Record excerpts START

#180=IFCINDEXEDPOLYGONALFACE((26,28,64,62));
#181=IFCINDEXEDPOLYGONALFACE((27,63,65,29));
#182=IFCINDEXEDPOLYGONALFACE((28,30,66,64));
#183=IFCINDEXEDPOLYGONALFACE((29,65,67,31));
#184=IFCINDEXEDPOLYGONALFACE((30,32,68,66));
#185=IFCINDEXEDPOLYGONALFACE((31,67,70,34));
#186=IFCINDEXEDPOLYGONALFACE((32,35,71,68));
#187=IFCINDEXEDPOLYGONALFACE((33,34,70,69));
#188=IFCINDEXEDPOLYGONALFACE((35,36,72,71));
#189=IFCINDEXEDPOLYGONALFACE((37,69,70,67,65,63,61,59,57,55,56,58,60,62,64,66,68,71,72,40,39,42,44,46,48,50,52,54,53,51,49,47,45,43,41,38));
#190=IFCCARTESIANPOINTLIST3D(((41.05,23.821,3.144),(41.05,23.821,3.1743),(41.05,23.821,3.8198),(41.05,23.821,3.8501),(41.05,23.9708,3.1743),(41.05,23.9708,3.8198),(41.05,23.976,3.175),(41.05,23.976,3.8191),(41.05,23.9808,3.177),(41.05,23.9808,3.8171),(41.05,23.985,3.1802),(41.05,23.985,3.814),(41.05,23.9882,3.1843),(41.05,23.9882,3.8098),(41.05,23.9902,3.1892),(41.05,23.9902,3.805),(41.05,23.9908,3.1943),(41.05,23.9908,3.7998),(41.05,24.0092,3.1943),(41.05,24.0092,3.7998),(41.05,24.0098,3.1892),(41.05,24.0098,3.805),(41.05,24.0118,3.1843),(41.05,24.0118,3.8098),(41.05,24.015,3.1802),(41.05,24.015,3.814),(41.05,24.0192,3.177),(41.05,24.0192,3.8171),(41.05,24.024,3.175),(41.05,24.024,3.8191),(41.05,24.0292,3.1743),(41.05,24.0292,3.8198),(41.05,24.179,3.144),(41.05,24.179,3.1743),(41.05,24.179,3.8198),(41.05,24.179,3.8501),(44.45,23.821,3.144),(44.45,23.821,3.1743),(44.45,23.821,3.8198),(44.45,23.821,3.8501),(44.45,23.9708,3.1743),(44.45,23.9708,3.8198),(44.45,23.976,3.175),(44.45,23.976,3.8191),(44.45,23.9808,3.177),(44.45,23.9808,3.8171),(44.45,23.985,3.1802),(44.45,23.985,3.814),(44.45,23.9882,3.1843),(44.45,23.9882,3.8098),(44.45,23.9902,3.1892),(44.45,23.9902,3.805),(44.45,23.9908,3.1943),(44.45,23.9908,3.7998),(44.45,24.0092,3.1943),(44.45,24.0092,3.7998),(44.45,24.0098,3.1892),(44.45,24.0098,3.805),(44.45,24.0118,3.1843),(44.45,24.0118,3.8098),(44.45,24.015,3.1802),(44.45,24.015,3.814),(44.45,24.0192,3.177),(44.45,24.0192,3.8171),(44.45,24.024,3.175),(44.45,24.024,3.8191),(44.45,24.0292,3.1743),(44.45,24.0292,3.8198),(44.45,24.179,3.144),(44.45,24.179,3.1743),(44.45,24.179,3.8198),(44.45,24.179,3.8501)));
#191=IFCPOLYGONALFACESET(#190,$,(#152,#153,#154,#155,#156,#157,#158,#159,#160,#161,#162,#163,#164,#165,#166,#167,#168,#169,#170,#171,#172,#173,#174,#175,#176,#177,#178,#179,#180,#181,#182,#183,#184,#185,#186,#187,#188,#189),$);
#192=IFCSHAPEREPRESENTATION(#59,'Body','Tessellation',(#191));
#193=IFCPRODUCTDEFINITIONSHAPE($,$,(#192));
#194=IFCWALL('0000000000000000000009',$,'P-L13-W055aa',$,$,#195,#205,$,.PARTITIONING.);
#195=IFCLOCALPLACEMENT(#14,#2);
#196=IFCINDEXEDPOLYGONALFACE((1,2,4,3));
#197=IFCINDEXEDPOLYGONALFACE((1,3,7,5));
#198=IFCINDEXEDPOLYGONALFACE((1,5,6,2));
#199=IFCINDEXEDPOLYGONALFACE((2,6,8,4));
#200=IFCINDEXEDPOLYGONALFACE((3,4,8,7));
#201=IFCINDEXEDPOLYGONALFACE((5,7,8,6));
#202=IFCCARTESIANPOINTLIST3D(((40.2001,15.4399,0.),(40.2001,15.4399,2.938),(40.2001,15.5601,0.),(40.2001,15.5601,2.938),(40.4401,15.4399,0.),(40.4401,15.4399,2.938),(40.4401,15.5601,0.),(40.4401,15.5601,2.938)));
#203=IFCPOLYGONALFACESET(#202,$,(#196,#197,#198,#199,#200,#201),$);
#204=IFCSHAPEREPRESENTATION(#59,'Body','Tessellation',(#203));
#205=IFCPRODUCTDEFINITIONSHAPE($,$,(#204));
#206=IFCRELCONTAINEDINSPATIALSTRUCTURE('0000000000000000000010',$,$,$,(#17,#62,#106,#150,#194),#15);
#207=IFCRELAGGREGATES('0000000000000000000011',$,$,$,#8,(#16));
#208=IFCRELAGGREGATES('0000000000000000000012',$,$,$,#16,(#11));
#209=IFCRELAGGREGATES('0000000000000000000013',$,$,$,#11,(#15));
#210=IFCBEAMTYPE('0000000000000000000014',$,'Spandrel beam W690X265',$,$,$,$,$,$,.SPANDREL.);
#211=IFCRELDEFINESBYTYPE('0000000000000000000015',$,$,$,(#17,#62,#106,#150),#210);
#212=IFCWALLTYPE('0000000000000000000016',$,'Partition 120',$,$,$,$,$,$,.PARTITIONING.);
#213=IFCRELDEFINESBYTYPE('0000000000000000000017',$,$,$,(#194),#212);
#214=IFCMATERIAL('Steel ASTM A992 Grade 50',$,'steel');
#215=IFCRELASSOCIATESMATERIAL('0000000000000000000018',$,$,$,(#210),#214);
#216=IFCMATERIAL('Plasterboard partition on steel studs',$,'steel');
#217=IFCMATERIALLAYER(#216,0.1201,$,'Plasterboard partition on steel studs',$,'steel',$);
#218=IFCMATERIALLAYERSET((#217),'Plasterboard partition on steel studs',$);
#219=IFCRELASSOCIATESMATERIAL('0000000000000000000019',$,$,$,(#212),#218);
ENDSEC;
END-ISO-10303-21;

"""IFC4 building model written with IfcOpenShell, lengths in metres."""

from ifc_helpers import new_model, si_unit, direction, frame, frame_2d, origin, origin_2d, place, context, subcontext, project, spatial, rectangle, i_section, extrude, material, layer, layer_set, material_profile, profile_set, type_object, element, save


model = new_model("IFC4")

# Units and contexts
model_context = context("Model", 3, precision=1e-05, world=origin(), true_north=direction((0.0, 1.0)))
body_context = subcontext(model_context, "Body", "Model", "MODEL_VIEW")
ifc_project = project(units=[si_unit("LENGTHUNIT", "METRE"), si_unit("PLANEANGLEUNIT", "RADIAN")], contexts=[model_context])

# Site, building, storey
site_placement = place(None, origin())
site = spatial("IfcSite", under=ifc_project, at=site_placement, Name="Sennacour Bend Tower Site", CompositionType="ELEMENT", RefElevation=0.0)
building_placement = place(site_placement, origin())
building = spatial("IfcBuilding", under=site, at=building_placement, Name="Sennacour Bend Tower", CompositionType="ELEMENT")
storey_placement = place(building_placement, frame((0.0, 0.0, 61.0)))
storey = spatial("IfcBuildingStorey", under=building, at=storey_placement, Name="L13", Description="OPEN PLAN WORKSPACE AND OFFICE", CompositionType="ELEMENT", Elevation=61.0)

Record excerpts END

## Activity:
Could you restate, word for word, the lines above from the one with "#217=IFCMATERIALLAYER(#216,0.1201,$,'Plasterboard partition on" to the one with "building model written", both included?

## Written answer:
#217=IFCMATERIALLAYER(#216,0.1201,$,'Plasterboard partition on steel studs',$,'steel',$);
#218=IFCMATERIALLAYERSET((#217),'Plasterboard partition on steel studs',$);
#219=IFCRELASSOCIATESMATERIAL('0000000000000000000019',$,$,$,(#212),#218);
ENDSEC;
END-ISO-10303-21;

"""IFC4 building model written with IfcOpenShell, lengths in metres."""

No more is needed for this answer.